**What to work on**
Having found the line containing "23.25, 0.0), z_axis=(0.0, 0.0, 1.0), x_axis=(1.0, 0.0, 0.0)))" in the data below, reproduce that line and each one after it to the end, exactly, and include nothing else.
*** Opening of Data excerpts ***
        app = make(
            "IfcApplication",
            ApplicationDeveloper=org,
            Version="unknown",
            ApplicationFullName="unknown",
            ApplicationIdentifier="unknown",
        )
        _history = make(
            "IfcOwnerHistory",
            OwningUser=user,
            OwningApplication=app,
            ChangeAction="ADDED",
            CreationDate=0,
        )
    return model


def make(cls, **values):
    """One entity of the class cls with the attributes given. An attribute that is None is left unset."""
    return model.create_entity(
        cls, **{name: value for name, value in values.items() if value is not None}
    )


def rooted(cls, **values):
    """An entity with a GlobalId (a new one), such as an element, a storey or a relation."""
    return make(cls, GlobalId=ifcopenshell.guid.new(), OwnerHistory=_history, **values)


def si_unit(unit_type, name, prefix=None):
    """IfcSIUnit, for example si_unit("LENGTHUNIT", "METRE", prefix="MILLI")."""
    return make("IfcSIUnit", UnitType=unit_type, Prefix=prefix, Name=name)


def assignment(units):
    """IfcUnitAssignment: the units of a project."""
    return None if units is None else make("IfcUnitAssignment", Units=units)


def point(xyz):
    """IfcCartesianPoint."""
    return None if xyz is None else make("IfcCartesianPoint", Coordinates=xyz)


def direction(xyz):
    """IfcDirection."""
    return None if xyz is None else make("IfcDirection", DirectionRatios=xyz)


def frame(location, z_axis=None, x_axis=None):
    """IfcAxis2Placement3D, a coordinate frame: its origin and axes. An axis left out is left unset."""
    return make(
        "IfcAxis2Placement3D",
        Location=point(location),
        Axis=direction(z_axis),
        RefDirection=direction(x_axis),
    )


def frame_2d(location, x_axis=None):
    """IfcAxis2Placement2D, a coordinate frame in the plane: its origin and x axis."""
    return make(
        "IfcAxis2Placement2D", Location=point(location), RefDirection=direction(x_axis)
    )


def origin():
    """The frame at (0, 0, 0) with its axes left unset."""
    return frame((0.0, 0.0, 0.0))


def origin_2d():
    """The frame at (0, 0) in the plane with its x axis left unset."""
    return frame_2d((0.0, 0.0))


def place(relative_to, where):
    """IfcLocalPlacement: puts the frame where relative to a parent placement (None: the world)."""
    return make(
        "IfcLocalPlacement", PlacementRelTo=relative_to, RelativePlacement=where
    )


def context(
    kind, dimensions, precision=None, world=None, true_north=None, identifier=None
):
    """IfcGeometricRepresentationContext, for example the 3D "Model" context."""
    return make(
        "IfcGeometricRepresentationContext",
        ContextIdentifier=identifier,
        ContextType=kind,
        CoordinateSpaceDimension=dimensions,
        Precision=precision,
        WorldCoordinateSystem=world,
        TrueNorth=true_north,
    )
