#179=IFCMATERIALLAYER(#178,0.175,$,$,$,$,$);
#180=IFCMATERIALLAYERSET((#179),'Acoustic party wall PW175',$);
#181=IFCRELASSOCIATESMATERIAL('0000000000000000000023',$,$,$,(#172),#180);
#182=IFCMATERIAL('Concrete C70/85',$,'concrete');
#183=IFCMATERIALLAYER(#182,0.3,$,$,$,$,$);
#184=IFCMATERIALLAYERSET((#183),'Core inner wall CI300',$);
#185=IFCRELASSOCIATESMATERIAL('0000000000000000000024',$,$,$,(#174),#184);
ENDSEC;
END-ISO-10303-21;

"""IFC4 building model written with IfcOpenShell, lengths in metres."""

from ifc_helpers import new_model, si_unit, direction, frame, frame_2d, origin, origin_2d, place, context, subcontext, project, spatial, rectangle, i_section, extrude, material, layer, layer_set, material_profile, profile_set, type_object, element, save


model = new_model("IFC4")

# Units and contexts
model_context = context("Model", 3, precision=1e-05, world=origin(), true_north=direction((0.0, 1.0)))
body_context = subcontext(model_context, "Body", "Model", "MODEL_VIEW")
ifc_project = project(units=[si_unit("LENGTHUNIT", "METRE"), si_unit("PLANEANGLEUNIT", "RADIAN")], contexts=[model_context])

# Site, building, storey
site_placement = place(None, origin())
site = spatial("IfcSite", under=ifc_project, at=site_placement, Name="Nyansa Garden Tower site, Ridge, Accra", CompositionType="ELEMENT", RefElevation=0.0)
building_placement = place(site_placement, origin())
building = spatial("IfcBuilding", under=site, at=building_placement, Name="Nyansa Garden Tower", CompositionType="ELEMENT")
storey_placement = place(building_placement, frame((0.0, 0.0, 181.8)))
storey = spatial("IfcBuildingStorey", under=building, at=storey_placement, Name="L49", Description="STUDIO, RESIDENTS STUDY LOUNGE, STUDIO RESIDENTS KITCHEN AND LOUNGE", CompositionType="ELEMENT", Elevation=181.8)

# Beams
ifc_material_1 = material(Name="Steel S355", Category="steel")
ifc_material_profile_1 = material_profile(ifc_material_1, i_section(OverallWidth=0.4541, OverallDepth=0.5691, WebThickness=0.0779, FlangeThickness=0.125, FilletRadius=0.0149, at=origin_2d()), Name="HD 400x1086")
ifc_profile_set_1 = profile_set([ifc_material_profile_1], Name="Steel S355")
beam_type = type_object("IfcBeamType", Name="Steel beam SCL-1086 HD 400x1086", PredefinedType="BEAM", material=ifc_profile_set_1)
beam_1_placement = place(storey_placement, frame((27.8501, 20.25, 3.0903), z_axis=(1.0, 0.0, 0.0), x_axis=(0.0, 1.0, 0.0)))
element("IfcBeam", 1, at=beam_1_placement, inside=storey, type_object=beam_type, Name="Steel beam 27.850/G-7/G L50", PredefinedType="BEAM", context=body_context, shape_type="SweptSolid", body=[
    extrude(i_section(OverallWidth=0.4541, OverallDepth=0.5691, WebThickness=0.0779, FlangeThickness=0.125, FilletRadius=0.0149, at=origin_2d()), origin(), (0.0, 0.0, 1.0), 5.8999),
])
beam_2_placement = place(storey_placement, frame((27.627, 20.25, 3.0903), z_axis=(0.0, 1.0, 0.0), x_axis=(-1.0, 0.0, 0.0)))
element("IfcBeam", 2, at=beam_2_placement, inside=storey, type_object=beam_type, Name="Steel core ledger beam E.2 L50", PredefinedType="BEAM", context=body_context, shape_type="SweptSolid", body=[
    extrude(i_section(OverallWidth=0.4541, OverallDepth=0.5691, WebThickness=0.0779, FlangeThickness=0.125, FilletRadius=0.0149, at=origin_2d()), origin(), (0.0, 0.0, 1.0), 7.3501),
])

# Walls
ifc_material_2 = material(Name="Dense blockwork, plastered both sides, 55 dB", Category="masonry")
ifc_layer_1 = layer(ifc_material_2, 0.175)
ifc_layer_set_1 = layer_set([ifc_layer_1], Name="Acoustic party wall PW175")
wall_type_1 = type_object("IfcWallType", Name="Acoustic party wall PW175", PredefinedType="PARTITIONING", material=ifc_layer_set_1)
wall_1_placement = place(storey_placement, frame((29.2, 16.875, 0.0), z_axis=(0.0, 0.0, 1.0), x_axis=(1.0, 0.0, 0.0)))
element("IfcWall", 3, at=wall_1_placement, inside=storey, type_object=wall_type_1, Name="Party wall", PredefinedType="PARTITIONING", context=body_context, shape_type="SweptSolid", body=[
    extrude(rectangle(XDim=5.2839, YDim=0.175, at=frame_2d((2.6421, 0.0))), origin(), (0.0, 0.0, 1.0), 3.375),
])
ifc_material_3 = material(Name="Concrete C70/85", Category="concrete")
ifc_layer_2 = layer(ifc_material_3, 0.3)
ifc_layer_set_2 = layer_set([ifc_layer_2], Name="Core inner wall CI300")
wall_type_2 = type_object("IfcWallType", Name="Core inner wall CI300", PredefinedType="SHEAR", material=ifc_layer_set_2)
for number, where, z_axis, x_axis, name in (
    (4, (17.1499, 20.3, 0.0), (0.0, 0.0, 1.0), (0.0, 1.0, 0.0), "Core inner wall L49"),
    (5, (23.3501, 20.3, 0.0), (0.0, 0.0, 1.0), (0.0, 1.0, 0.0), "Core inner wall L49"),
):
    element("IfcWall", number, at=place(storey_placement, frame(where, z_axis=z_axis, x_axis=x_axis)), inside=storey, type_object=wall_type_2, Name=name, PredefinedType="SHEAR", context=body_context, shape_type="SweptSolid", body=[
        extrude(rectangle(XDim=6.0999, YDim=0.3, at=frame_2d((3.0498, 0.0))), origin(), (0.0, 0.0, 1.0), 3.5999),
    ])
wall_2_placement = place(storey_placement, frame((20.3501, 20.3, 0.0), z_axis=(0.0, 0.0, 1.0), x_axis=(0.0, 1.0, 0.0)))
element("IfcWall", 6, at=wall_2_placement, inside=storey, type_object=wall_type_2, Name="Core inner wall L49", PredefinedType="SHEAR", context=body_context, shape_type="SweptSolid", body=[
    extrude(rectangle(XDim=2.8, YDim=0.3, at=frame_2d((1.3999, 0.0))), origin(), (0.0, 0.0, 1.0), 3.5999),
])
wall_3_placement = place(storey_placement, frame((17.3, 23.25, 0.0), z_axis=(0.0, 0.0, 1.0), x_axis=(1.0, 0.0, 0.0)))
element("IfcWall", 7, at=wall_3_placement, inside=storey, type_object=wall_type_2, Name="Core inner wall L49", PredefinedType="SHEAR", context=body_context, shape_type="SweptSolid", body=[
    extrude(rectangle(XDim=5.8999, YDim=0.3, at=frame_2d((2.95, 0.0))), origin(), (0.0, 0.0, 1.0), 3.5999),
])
*** Close of Data excerpts ***
**Solution to the problem**
wall_3_placement = place(storey_placement, frame((17.3, 23.25, 0.0), z_axis=(0.0, 0.0, 1.0), x_axis=(1.0, 0.0, 0.0)))
element("IfcWall", 7, at=wall_3_placement, inside=storey, type_object=wall_type_2, Name="Core inner wall L49", PredefinedType="SHEAR", context=body_context, shape_type="SweptSolid", body=[
    extrude(rectangle(XDim=5.8999, YDim=0.3, at=frame_2d((2.95, 0.0))), origin(), (0.0, 0.0, 1.0), 3.5999),
])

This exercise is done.